TASK OBJECTIVE: Taking each line of the records in turn, count those containing "IfcExtrudedAreaSolid" and report only the number.

■ ■ ■ ■ ■

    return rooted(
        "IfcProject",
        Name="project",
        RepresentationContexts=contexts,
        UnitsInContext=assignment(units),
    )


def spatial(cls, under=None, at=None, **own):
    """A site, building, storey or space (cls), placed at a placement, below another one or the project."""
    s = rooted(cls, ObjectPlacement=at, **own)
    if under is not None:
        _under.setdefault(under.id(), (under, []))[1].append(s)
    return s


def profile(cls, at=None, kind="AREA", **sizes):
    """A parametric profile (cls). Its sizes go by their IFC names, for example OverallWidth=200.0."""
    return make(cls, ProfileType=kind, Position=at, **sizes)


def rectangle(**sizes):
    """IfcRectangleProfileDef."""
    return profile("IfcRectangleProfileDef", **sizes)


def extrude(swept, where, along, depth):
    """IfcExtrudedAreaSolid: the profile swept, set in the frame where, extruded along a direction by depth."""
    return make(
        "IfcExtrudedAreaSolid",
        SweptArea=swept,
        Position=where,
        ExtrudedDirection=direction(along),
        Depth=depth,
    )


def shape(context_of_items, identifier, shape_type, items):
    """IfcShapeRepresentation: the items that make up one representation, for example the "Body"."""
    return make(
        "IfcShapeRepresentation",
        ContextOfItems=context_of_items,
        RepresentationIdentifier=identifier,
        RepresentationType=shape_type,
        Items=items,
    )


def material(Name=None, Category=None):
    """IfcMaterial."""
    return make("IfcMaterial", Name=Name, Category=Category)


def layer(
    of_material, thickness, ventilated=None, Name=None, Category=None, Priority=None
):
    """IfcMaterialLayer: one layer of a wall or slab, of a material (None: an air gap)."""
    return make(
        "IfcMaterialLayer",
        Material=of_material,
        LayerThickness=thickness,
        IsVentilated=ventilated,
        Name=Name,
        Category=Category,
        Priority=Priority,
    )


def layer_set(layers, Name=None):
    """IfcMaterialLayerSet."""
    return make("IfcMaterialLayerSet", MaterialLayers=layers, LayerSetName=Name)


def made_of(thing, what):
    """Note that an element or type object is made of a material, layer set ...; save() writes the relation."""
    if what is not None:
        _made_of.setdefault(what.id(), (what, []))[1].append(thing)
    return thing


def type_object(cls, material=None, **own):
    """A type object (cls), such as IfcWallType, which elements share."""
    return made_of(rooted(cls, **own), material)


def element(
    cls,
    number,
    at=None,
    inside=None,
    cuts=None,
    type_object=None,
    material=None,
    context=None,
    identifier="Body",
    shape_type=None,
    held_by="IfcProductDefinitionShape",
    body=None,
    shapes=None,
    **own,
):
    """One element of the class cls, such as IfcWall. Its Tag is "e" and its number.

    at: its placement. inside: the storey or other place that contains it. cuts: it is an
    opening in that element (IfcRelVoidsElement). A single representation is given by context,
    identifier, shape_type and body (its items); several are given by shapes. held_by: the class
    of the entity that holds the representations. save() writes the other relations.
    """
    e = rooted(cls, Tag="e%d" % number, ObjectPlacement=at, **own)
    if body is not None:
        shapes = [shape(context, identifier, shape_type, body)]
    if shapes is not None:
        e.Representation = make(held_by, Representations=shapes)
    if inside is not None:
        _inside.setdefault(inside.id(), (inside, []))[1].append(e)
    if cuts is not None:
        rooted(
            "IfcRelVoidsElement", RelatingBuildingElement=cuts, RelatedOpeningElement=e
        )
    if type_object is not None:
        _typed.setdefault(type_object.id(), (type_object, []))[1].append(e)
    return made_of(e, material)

■ ■ ■ ■ ■

WRITTEN RESPONSE: 2